• [YOUR OBJECTIVE] Starting at the first line of the listing below and ending at the line with "#141=IFCINDEXEDPOLYGONALFACE((39,40,42,41));", copy each line exactly.

• [LISTED RECORDS]
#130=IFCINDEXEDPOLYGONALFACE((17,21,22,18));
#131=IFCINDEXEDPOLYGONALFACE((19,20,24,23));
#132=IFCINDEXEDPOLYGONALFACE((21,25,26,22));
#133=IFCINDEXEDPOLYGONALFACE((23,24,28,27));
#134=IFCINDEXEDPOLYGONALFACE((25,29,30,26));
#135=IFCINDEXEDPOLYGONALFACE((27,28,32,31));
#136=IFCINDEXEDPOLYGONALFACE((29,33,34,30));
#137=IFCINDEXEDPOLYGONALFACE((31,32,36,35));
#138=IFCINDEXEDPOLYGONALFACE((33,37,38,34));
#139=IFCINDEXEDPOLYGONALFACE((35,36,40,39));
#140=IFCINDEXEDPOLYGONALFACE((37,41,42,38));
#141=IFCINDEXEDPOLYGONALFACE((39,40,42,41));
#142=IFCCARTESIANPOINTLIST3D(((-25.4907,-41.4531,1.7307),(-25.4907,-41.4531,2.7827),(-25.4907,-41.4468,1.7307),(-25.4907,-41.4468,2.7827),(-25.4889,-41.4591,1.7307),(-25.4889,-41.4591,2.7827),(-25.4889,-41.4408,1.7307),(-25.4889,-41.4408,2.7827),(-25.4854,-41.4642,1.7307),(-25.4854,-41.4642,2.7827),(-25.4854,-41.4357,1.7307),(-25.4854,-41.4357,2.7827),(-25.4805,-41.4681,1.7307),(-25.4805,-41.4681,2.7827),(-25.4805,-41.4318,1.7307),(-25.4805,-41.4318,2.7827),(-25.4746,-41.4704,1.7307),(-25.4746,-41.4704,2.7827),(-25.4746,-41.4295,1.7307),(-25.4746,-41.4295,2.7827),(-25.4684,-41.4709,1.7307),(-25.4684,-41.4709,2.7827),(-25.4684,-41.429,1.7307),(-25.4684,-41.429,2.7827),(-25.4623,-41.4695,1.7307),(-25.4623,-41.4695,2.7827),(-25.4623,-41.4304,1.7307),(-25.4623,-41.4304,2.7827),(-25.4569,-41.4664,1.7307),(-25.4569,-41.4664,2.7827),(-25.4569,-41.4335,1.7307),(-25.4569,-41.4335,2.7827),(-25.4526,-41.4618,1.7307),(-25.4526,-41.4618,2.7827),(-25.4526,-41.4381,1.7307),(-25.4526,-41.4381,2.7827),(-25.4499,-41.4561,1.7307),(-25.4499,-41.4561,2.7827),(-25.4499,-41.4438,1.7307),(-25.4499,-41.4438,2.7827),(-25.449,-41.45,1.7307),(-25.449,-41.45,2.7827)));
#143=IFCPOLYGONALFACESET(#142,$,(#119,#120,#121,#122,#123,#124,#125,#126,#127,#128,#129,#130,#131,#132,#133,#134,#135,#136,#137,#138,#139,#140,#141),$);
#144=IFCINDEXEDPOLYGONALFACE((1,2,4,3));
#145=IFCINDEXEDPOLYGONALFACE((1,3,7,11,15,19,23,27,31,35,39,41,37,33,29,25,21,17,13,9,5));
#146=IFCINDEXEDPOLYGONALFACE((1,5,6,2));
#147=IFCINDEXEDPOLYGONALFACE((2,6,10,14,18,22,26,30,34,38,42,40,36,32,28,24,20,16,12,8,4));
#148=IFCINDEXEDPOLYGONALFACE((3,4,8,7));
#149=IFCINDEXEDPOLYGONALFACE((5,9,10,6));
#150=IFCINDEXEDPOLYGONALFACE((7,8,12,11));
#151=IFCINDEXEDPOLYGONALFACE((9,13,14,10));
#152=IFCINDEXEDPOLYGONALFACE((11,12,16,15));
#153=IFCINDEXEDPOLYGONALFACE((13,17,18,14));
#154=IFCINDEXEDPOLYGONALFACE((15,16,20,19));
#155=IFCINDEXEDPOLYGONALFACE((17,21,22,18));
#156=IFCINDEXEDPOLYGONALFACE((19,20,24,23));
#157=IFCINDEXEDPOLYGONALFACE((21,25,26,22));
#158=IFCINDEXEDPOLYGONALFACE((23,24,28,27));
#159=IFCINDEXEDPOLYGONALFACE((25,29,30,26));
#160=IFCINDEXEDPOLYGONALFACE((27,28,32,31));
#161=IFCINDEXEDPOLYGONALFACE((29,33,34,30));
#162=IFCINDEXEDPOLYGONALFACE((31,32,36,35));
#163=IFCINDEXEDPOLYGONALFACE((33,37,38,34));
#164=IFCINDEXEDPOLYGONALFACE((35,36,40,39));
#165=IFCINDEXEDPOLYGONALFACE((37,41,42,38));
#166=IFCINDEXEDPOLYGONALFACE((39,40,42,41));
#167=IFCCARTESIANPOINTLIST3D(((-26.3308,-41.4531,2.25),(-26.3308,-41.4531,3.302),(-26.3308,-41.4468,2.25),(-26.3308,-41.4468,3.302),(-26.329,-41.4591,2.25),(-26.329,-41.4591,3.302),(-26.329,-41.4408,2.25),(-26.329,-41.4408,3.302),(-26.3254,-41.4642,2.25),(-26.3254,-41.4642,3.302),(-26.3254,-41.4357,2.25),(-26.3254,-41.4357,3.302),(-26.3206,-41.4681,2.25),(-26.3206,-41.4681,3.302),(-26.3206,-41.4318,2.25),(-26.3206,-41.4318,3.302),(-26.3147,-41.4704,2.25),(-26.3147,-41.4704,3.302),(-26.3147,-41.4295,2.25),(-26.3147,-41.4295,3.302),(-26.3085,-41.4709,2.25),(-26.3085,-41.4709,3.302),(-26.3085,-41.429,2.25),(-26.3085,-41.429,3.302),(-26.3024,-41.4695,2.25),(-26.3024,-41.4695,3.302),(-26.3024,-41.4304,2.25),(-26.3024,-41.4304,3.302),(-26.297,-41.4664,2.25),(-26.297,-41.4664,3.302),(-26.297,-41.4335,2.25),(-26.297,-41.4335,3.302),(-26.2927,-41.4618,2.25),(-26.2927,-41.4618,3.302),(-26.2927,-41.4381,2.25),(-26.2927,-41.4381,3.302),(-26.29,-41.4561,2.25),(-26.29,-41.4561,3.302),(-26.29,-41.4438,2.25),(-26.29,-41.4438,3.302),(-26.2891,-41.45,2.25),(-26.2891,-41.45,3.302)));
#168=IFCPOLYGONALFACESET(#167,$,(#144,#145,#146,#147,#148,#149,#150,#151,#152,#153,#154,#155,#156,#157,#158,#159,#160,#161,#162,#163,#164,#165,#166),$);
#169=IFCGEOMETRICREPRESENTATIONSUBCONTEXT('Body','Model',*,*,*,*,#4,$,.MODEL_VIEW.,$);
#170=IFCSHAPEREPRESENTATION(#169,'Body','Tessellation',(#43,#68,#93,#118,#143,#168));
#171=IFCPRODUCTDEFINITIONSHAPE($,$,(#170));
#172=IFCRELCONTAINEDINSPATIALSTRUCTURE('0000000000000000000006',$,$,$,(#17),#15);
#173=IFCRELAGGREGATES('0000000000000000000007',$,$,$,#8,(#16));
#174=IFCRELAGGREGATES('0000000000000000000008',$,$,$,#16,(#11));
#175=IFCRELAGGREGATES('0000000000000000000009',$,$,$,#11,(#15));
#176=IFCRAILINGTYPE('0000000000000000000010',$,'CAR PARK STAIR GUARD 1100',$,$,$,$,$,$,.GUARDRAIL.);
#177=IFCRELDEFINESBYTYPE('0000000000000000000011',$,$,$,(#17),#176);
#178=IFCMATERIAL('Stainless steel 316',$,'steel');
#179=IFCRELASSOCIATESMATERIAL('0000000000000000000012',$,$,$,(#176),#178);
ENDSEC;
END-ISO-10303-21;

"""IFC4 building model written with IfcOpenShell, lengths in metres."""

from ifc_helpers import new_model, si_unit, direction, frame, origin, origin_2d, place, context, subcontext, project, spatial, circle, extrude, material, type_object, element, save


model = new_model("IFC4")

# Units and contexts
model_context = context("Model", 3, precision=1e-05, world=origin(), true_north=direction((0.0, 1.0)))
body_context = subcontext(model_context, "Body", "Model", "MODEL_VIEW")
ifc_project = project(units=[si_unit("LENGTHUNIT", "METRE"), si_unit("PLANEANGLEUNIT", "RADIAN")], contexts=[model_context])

• [FINISHED TASK]
#130=IFCINDEXEDPOLYGONALFACE((17,21,22,18));
#131=IFCINDEXEDPOLYGONALFACE((19,20,24,23));
#132=IFCINDEXEDPOLYGONALFACE((21,25,26,22));
#133=IFCINDEXEDPOLYGONALFACE((23,24,28,27));
#134=IFCINDEXEDPOLYGONALFACE((25,29,30,26));
#135=IFCINDEXEDPOLYGONALFACE((27,28,32,31));
#136=IFCINDEXEDPOLYGONALFACE((29,33,34,30));
#137=IFCINDEXEDPOLYGONALFACE((31,32,36,35));
#138=IFCINDEXEDPOLYGONALFACE((33,37,38,34));
#139=IFCINDEXEDPOLYGONALFACE((35,36,40,39));
#140=IFCINDEXEDPOLYGONALFACE((37,41,42,38));
#141=IFCINDEXEDPOLYGONALFACE((39,40,42,41));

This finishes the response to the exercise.